## Instructions to follow
After finding the line with "#88=IFCSHAPEREPRESENTATION(#27,'Body','Tessellation',(#87));" in the data below, set down exactly each line through the one with "#97=IFCINDEXEDPOLYGONALFACE((5,7,8,6));", inclusive, and stop there.

## Source records

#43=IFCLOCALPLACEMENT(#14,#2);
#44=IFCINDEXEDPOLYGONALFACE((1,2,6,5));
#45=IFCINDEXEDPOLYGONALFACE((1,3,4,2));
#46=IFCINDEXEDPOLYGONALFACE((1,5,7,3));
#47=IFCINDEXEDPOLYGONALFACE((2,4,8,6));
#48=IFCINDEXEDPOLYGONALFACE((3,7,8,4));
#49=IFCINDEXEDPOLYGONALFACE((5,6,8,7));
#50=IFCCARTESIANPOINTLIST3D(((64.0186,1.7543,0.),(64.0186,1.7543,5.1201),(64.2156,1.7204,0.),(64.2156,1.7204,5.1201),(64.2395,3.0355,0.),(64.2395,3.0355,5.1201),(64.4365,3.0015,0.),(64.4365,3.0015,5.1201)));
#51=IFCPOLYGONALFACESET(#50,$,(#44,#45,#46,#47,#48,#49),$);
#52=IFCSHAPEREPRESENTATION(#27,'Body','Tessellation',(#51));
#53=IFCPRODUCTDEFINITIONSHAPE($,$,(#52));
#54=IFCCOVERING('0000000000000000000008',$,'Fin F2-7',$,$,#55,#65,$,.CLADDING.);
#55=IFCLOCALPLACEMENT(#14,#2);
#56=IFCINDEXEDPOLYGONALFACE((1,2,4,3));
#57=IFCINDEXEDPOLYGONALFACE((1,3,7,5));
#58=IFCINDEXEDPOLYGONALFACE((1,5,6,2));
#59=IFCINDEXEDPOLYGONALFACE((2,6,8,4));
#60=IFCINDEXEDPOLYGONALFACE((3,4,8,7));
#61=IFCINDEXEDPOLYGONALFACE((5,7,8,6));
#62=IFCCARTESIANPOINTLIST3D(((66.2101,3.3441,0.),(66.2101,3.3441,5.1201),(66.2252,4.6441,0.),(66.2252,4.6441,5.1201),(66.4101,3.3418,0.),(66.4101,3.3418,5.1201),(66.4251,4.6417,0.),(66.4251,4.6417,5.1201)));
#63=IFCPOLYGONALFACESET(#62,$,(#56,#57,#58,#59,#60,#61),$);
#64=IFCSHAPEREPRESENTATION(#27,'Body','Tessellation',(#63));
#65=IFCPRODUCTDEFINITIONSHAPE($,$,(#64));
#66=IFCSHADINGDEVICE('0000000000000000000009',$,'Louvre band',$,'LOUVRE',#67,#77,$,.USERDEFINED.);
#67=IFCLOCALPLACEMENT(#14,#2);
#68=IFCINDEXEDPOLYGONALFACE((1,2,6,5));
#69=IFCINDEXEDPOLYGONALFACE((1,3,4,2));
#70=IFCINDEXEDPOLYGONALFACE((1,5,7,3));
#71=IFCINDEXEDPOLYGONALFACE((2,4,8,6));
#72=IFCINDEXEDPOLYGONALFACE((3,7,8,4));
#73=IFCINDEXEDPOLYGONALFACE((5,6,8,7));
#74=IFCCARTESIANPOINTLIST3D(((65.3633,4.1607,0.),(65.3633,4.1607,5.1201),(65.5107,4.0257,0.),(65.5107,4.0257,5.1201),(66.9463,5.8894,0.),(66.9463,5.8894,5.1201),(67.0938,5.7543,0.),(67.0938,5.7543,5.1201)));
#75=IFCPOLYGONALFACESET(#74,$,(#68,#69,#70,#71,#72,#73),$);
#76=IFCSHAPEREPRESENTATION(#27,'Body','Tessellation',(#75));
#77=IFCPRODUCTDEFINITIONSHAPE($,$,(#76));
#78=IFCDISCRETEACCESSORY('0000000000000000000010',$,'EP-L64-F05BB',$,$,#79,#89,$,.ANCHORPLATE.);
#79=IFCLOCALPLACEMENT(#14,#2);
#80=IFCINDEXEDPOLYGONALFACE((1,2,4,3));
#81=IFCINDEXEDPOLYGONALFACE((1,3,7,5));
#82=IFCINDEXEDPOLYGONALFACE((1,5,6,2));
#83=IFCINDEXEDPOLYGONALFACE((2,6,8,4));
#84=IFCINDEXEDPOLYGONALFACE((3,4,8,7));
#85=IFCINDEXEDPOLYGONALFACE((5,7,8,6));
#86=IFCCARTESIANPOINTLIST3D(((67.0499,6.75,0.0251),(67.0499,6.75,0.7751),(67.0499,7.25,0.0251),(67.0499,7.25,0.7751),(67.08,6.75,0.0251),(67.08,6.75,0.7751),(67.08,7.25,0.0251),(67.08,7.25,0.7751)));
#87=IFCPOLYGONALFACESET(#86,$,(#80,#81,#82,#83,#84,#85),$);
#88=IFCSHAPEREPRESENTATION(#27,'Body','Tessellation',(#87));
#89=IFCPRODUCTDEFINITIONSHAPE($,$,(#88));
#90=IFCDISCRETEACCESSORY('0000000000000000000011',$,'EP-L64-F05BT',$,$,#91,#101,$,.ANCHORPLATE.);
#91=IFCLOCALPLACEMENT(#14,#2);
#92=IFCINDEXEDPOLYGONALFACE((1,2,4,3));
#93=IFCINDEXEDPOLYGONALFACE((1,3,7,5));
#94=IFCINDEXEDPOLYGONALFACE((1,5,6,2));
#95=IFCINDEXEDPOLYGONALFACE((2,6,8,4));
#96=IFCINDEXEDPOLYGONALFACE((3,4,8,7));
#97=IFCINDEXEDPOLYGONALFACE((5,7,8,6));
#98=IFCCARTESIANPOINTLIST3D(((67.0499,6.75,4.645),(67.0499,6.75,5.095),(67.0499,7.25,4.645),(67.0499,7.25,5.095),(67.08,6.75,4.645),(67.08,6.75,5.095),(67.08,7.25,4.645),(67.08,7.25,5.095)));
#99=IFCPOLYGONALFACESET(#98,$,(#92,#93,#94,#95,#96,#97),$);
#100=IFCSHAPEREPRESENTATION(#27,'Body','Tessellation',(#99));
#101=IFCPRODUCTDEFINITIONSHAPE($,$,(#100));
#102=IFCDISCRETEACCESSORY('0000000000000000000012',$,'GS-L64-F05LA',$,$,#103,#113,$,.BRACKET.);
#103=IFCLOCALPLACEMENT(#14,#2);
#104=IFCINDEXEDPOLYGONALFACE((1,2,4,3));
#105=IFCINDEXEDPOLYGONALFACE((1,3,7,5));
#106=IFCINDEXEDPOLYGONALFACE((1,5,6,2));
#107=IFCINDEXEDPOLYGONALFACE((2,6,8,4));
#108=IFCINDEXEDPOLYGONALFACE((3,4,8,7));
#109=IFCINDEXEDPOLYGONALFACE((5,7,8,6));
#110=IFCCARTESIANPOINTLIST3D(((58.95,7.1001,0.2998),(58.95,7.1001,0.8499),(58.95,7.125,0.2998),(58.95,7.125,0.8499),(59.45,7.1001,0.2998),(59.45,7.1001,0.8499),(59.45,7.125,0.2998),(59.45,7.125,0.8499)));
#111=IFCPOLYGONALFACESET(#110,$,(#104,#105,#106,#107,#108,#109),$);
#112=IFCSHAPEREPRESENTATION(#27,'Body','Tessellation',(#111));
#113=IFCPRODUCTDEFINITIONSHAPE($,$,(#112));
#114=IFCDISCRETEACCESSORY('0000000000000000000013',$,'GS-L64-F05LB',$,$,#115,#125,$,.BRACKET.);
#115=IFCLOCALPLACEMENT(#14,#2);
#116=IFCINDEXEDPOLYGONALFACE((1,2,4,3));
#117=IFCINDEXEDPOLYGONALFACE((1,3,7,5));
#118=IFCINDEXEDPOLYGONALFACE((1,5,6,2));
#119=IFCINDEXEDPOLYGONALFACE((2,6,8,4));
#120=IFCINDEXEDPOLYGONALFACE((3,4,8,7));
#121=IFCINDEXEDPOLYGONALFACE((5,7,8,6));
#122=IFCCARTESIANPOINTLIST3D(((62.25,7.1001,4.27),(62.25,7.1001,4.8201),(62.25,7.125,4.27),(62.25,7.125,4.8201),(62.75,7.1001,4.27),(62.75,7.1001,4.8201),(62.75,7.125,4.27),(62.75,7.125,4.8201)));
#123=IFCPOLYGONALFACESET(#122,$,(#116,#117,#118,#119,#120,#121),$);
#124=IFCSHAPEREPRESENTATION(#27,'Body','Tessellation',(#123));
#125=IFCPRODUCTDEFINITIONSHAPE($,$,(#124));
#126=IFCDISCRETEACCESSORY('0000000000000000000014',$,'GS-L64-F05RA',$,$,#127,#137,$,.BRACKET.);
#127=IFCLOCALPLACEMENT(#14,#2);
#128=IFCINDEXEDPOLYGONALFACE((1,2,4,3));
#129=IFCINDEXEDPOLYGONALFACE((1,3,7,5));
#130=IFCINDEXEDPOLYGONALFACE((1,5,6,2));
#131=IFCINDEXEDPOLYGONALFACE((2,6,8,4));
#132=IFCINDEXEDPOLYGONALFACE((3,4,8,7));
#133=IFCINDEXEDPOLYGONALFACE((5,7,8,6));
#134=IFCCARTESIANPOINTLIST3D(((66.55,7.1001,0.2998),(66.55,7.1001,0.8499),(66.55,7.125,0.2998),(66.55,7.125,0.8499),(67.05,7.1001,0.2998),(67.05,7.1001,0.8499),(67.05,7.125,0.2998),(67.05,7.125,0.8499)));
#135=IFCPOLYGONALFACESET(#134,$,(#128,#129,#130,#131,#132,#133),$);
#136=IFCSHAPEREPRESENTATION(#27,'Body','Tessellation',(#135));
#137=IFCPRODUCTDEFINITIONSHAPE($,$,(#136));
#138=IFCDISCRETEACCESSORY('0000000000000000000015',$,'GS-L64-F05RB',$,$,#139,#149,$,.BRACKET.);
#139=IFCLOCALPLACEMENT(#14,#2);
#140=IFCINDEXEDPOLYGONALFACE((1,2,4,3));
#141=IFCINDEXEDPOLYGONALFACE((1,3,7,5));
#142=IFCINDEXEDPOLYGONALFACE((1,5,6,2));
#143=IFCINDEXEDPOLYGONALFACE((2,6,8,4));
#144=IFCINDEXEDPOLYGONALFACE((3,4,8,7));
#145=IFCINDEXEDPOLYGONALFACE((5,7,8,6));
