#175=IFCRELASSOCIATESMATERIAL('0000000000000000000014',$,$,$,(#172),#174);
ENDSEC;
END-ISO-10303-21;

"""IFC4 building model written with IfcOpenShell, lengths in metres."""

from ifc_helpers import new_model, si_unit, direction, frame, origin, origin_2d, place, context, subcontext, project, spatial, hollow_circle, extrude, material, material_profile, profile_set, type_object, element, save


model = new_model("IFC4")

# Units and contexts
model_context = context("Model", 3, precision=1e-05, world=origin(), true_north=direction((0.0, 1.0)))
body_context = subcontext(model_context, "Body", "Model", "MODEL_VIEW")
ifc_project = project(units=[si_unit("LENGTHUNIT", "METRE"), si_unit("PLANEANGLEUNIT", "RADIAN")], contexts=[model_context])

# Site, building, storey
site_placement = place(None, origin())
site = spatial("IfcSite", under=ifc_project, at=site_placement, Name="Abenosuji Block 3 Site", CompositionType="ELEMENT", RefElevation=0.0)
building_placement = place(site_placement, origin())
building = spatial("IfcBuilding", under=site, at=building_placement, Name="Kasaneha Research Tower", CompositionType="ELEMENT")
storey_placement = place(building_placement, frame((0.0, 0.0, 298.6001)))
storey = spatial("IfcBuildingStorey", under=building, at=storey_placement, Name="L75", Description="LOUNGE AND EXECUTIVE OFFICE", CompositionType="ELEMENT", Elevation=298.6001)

## Answer to this task
#88=IFCSHAPEREPRESENTATION(#27,'Body','Tessellation',(#87));
#89=IFCPRODUCTDEFINITIONSHAPE($,$,(#88));
#90=IFCDISCRETEACCESSORY('0000000000000000000011',$,'EP-L64-F05BT',$,$,#91,#101,$,.ANCHORPLATE.);
#91=IFCLOCALPLACEMENT(#14,#2);
#92=IFCINDEXEDPOLYGONALFACE((1,2,4,3));
#93=IFCINDEXEDPOLYGONALFACE((1,3,7,5));
#94=IFCINDEXEDPOLYGONALFACE((1,5,6,2));
#95=IFCINDEXEDPOLYGONALFACE((2,6,8,4));
#96=IFCINDEXEDPOLYGONALFACE((3,4,8,7));
#97=IFCINDEXEDPOLYGONALFACE((5,7,8,6));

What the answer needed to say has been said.